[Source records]
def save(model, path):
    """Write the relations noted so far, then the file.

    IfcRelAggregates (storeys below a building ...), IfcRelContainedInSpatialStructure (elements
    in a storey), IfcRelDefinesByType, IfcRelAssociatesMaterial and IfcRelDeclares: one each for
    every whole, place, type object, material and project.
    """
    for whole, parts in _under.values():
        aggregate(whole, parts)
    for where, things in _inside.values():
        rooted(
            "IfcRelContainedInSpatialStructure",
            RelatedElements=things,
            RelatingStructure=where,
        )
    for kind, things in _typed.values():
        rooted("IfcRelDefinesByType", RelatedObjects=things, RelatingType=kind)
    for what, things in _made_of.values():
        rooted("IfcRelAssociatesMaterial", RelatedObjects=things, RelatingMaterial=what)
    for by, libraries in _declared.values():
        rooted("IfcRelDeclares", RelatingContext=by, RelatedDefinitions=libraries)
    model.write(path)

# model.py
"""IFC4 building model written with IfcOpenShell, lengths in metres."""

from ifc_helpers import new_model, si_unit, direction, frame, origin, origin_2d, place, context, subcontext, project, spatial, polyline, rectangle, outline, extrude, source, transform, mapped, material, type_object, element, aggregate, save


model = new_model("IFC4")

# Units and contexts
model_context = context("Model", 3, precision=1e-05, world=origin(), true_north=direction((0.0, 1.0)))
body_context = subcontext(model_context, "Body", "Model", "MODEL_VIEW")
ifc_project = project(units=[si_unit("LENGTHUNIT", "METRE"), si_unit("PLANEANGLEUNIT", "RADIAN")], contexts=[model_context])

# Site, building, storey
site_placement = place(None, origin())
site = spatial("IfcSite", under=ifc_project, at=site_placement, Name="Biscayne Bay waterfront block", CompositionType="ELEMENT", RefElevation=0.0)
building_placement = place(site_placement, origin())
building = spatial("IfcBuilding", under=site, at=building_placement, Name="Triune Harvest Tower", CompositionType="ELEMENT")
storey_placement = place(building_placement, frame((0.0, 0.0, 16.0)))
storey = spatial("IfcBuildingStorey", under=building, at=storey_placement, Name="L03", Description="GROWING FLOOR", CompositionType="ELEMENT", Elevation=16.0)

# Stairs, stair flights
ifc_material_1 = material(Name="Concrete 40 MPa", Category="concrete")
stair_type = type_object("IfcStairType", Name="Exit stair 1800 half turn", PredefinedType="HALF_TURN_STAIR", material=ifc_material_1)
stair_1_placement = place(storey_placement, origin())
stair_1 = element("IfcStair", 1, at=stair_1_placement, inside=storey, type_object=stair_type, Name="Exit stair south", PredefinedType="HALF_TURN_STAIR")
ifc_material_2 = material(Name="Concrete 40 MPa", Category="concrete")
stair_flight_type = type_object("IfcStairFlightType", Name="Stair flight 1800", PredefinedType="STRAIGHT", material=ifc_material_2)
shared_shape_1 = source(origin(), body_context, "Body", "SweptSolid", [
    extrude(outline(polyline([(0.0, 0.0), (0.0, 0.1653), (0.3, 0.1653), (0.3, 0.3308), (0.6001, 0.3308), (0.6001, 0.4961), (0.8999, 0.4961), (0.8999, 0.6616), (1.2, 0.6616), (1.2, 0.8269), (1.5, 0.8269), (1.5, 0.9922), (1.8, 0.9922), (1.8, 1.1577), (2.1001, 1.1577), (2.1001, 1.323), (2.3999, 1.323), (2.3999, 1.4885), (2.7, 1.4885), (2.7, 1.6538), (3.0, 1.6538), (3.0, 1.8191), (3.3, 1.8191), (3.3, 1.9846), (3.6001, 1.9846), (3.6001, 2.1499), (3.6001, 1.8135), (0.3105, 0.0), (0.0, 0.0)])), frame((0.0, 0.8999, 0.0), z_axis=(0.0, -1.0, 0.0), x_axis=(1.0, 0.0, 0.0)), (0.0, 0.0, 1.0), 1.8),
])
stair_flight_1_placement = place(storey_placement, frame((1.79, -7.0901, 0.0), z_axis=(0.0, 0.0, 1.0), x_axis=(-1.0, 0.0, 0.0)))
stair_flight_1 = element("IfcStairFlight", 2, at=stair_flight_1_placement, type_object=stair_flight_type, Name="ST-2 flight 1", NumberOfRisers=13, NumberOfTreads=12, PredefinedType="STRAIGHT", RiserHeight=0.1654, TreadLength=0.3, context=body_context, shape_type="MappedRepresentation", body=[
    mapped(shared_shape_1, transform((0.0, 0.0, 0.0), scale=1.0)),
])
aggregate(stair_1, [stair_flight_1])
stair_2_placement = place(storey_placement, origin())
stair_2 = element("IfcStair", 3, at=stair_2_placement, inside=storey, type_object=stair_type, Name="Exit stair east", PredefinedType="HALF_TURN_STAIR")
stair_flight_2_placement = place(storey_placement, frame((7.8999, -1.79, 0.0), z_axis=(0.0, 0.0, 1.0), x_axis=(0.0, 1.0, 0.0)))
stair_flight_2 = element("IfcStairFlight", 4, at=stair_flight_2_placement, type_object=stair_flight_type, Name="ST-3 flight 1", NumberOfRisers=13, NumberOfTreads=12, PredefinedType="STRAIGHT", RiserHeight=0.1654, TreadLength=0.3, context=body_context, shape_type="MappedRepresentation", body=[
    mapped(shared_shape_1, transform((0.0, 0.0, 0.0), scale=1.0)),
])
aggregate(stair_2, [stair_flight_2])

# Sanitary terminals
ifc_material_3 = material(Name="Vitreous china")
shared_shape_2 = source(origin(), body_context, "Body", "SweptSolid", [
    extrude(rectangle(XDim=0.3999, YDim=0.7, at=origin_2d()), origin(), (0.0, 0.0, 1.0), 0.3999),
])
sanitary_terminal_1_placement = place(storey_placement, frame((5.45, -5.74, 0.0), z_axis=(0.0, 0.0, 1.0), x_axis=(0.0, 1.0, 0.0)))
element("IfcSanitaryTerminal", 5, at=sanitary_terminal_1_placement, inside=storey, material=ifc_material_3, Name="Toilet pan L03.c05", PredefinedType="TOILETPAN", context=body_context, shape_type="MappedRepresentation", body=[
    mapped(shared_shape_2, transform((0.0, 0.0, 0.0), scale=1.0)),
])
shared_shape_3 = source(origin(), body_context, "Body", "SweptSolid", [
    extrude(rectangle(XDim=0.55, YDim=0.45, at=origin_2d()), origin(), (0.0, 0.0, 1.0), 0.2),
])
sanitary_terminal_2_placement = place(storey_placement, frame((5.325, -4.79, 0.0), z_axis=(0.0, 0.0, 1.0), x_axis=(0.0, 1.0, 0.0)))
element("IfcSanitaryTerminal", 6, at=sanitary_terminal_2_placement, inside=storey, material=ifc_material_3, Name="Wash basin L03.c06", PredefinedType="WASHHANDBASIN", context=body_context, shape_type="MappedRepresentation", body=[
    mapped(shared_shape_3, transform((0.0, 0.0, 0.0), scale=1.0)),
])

* * *

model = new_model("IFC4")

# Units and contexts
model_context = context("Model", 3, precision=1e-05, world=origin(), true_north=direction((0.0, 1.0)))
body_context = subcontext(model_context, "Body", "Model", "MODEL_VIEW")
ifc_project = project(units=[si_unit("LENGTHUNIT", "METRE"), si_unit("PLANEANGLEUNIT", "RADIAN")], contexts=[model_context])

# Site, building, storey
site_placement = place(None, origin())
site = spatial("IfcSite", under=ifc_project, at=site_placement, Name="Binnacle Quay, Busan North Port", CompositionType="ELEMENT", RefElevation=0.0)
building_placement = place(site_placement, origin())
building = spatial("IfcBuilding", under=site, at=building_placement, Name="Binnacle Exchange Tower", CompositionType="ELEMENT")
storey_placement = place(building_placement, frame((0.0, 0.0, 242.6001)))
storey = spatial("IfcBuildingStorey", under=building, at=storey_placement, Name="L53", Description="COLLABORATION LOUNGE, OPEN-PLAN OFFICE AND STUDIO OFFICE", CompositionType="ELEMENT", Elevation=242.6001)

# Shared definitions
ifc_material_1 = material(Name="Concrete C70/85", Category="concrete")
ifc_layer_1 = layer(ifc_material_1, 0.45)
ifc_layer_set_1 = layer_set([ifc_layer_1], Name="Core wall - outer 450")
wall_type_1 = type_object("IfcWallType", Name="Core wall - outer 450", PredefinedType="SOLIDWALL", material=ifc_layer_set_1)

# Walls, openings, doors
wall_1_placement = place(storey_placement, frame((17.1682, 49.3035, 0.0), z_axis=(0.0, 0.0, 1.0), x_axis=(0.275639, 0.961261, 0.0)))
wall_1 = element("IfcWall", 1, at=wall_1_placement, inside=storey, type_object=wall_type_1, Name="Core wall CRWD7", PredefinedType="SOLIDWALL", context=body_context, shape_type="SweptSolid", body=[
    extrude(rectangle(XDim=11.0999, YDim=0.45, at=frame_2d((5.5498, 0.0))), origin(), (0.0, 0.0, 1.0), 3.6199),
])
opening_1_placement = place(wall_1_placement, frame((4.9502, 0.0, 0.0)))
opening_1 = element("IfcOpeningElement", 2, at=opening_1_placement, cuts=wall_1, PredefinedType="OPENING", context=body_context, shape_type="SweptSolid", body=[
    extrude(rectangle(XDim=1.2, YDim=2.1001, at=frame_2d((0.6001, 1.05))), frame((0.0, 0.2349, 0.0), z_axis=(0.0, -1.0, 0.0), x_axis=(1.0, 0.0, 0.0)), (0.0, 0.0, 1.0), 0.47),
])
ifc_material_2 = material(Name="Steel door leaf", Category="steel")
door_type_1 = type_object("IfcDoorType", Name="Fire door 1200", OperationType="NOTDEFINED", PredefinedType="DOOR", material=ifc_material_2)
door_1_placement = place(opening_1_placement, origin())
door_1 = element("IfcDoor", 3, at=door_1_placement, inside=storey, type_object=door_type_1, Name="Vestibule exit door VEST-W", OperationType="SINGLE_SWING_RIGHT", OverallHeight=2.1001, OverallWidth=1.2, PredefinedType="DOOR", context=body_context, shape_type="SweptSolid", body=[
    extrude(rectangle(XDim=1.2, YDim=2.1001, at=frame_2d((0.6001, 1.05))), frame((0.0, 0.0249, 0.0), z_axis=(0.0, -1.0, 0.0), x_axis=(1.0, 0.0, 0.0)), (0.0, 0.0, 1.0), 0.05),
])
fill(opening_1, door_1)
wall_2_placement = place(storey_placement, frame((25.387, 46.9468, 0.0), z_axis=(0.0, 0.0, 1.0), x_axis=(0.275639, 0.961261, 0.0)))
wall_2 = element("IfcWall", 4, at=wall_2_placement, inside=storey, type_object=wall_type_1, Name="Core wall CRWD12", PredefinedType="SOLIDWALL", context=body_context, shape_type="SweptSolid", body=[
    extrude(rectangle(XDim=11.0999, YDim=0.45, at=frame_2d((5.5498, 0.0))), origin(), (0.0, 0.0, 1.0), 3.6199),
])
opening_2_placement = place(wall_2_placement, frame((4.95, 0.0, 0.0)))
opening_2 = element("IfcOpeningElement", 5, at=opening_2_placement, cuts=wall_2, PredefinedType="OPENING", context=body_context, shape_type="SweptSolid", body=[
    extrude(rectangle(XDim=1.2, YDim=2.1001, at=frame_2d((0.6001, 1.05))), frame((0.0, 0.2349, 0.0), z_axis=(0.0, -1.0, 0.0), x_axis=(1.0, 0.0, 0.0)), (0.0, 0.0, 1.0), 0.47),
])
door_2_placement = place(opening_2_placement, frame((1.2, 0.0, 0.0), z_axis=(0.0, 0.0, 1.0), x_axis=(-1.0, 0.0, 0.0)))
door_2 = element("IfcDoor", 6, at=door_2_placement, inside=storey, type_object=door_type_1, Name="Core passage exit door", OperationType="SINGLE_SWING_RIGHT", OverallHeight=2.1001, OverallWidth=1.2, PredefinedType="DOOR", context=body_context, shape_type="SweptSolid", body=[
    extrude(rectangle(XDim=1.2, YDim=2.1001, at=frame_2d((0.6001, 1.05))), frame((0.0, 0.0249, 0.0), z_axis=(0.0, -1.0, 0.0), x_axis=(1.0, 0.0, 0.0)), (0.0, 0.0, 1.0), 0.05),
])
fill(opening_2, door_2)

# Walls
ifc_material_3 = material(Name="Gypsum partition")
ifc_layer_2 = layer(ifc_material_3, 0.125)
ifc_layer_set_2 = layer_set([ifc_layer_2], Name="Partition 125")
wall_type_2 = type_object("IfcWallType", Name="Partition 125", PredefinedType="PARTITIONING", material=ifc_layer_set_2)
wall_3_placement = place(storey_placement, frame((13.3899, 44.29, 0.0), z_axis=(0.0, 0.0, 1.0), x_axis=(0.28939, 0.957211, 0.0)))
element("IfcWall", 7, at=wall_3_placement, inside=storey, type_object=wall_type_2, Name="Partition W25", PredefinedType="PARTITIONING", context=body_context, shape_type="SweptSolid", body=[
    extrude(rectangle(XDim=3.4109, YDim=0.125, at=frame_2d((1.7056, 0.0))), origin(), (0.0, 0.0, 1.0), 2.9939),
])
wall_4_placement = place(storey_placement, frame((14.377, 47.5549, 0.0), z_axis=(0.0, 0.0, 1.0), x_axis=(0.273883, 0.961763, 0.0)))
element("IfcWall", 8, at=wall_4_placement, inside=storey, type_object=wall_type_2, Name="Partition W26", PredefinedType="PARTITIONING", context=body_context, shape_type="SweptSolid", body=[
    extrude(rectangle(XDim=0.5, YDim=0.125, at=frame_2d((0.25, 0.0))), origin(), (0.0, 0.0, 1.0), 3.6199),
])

**WORK INSTRUCTIONS**
Check each line above for the string "what" and report how many lines have it, giving only the number.

**COMPLETED TASK**
2